» Work instruction
Only one stretch of the records below is wanted: the lines from the one holding "for whole, parts" through the one holding "stair_placement = place(storey_placement, origin())". Return it exactly, both ends included.

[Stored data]
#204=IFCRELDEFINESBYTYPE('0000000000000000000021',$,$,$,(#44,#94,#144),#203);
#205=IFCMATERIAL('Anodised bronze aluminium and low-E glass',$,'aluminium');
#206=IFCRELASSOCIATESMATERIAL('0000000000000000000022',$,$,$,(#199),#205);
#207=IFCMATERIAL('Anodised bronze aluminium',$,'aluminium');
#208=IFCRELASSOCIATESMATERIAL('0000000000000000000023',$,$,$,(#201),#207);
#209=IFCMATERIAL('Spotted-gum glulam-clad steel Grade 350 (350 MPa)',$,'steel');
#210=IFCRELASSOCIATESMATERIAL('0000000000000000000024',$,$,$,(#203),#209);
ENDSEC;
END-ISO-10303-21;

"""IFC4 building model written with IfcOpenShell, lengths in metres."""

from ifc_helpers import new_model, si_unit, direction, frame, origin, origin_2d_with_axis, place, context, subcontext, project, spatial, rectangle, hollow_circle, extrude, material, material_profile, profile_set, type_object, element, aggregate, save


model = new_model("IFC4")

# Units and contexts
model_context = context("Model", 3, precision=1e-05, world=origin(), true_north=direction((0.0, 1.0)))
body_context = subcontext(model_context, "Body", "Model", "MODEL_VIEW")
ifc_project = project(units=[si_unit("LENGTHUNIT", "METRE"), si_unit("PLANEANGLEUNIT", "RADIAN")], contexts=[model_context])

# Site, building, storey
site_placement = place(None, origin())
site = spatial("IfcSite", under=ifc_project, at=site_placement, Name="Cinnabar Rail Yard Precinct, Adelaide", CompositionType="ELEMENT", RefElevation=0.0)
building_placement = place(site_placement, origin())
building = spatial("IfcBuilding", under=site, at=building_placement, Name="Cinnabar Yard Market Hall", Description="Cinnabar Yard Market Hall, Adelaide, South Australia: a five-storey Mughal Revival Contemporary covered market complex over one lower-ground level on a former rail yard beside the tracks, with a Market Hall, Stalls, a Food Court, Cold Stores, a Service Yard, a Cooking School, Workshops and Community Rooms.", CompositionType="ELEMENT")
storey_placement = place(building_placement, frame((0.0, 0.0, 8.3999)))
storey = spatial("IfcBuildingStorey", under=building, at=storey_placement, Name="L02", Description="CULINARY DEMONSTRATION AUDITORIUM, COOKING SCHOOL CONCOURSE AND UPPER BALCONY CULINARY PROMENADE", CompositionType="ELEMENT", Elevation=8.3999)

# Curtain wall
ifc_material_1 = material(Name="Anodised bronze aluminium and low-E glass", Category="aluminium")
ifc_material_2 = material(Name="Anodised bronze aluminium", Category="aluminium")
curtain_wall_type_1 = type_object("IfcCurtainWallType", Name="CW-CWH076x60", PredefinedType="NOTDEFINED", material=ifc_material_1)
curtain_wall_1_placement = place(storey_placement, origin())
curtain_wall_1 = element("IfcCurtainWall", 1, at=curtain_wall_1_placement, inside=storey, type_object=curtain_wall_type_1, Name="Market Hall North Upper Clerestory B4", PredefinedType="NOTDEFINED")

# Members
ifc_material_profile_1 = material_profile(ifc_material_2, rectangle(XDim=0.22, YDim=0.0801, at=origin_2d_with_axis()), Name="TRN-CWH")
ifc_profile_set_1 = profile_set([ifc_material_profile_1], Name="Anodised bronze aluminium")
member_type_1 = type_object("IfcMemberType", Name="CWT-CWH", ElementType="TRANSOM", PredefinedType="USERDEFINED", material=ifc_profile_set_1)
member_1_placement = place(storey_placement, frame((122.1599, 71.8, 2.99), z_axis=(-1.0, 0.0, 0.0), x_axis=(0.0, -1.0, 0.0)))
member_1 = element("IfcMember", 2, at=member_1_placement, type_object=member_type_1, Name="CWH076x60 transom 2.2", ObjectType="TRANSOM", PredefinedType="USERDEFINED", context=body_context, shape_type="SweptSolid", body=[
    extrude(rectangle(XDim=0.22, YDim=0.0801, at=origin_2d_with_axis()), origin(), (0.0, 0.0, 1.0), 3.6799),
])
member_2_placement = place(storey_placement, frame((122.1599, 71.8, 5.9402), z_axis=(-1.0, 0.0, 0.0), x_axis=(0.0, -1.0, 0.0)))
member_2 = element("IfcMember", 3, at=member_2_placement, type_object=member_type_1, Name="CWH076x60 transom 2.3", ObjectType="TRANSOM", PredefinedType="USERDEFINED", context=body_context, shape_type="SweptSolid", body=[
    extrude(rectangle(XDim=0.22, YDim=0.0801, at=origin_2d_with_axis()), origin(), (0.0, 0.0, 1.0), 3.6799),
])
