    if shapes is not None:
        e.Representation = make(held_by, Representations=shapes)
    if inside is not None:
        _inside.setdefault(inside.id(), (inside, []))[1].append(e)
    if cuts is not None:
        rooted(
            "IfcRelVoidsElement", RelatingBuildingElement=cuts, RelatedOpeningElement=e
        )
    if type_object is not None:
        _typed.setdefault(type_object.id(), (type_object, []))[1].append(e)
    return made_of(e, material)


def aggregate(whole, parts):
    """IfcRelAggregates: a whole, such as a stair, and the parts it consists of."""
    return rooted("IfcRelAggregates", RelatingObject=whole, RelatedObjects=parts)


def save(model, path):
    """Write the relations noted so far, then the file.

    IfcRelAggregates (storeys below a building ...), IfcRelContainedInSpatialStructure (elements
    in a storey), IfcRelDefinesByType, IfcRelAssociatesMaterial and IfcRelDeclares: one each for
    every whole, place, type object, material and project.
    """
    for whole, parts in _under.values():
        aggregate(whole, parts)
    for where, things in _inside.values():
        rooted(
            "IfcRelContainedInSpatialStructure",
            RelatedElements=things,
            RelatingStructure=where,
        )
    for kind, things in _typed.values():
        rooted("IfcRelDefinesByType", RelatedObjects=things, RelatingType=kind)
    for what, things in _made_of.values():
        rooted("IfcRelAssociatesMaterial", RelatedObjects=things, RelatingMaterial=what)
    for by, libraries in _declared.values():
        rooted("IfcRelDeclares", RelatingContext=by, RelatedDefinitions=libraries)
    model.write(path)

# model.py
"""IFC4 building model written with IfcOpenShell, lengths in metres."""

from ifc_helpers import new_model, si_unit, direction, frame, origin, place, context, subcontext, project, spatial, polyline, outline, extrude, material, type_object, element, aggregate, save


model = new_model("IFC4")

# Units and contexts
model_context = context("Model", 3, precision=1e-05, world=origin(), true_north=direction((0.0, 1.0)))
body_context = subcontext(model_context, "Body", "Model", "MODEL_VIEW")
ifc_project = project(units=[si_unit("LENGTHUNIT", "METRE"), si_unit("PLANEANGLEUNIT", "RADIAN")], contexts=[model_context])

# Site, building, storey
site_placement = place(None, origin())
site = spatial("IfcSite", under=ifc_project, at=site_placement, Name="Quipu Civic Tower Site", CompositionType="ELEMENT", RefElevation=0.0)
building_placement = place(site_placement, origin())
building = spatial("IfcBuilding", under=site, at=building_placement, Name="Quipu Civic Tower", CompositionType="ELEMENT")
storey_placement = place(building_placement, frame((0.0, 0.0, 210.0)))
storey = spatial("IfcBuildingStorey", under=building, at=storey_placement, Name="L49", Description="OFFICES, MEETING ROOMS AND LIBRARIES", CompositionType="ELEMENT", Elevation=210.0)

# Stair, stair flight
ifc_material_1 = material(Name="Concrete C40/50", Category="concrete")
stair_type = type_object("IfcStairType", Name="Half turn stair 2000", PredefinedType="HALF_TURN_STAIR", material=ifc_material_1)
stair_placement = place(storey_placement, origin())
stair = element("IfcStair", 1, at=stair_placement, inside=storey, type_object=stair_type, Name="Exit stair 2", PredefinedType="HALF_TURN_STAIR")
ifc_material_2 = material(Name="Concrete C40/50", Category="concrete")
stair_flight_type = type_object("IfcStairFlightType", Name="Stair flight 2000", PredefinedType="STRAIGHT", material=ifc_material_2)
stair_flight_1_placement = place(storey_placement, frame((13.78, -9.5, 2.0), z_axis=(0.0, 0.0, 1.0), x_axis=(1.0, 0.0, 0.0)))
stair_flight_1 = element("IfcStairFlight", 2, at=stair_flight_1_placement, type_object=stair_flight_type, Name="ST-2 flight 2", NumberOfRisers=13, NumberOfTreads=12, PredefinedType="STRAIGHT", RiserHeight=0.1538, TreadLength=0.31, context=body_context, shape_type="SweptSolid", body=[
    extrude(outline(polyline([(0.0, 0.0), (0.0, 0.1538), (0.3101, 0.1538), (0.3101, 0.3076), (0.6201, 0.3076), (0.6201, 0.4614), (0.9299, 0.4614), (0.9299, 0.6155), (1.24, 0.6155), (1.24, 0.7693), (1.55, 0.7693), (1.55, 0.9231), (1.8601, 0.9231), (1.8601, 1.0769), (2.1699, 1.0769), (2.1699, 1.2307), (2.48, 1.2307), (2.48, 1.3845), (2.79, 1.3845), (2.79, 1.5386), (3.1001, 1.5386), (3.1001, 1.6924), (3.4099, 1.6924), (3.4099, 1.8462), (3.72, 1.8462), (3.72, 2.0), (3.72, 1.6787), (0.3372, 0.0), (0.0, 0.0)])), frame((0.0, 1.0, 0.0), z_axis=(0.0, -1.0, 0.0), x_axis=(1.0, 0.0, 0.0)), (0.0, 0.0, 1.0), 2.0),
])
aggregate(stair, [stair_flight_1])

» Answer to the problem
    for whole, parts in _under.values():
        aggregate(whole, parts)
    for where, things in _inside.values():
        rooted(
            "IfcRelContainedInSpatialStructure",
            RelatedElements=things,
            RelatingStructure=where,
        )
    for kind, things in _typed.values():
        rooted("IfcRelDefinesByType", RelatedObjects=things, RelatingType=kind)
    for what, things in _made_of.values():
        rooted("IfcRelAssociatesMaterial", RelatedObjects=things, RelatingMaterial=what)
    for by, libraries in _declared.values():
        rooted("IfcRelDeclares", RelatingContext=by, RelatedDefinitions=libraries)
    model.write(path)

# model.py
"""IFC4 building model written with IfcOpenShell, lengths in metres."""

from ifc_helpers import new_model, si_unit, direction, frame, origin, place, context, subcontext, project, spatial, polyline, outline, extrude, material, type_object, element, aggregate, save


model = new_model("IFC4")

# Units and contexts
model_context = context("Model", 3, precision=1e-05, world=origin(), true_north=direction((0.0, 1.0)))
body_context = subcontext(model_context, "Body", "Model", "MODEL_VIEW")
ifc_project = project(units=[si_unit("LENGTHUNIT", "METRE"), si_unit("PLANEANGLEUNIT", "RADIAN")], contexts=[model_context])

# Site, building, storey
site_placement = place(None, origin())
site = spatial("IfcSite", under=ifc_project, at=site_placement, Name="Quipu Civic Tower Site", CompositionType="ELEMENT", RefElevation=0.0)
building_placement = place(site_placement, origin())
building = spatial("IfcBuilding", under=site, at=building_placement, Name="Quipu Civic Tower", CompositionType="ELEMENT")
storey_placement = place(building_placement, frame((0.0, 0.0, 210.0)))
storey = spatial("IfcBuildingStorey", under=building, at=storey_placement, Name="L49", Description="OFFICES, MEETING ROOMS AND LIBRARIES", CompositionType="ELEMENT", Elevation=210.0)

# Stair, stair flight
ifc_material_1 = material(Name="Concrete C40/50", Category="concrete")
stair_type = type_object("IfcStairType", Name="Half turn stair 2000", PredefinedType="HALF_TURN_STAIR", material=ifc_material_1)
stair_placement = place(storey_placement, origin())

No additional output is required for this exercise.